▸ **Task to complete**: Your answer is a copy of every line in the records where "CompositionType" appears.

▸ **Excerpted data**:
===============
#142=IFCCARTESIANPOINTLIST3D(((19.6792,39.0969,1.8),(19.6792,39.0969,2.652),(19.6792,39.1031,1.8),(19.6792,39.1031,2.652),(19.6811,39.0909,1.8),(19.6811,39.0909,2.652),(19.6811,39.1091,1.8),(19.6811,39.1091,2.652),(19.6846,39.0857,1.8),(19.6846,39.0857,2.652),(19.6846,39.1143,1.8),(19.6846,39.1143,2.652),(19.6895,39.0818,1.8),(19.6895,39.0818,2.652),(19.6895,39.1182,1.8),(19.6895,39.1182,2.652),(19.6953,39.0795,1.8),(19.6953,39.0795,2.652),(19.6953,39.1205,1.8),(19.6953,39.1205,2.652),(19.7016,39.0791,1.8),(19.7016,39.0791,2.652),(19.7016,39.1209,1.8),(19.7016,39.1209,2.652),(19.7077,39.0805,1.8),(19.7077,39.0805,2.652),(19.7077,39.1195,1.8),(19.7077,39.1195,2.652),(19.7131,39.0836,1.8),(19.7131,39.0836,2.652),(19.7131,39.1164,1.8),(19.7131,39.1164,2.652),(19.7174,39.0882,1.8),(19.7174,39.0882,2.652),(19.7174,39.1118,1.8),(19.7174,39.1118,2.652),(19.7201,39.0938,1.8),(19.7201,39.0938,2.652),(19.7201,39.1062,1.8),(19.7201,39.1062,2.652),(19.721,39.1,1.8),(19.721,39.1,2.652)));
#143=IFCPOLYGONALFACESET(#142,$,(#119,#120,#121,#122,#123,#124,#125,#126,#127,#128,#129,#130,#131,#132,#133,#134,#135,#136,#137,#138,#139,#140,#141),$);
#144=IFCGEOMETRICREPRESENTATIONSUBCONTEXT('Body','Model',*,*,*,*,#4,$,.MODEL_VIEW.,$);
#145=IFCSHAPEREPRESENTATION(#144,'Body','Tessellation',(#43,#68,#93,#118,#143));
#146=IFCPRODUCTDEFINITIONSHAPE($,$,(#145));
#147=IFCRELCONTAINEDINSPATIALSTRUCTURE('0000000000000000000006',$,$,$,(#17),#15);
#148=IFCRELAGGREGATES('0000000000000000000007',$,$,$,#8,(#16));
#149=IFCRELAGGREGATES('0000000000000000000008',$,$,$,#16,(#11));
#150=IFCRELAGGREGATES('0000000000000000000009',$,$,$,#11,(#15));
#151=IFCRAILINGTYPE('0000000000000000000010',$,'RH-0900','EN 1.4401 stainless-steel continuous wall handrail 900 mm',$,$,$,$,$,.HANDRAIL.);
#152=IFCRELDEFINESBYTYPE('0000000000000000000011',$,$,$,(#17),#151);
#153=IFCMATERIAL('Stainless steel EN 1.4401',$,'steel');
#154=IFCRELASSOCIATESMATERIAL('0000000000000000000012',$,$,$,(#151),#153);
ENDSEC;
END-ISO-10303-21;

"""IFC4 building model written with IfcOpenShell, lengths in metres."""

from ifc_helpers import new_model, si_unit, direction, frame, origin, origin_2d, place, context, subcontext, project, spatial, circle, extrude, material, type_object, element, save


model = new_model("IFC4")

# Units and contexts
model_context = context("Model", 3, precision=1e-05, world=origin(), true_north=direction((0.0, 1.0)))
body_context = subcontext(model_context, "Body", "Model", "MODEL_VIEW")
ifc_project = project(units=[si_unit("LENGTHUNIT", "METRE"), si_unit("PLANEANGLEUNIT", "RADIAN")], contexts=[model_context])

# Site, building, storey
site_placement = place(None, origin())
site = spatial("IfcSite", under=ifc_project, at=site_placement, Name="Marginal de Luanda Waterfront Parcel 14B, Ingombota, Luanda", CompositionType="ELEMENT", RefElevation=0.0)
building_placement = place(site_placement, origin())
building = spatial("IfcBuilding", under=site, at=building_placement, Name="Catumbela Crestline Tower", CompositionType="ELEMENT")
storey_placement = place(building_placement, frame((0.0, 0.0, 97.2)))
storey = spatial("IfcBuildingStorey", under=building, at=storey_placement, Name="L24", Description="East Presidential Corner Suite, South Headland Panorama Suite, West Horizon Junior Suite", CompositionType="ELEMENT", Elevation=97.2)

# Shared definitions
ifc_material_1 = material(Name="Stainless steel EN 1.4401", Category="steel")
===============
▸ **Answer to this task**:
site = spatial("IfcSite", under=ifc_project, at=site_placement, Name="Marginal de Luanda Waterfront Parcel 14B, Ingombota, Luanda", CompositionType="ELEMENT", RefElevation=0.0)
building = spatial("IfcBuilding", under=site, at=building_placement, Name="Catumbela Crestline Tower", CompositionType="ELEMENT")
storey = spatial("IfcBuildingStorey", under=building, at=storey_placement, Name="L24", Description="East Presidential Corner Suite, South Headland Panorama Suite, West Horizon Junior Suite", CompositionType="ELEMENT", Elevation=97.2)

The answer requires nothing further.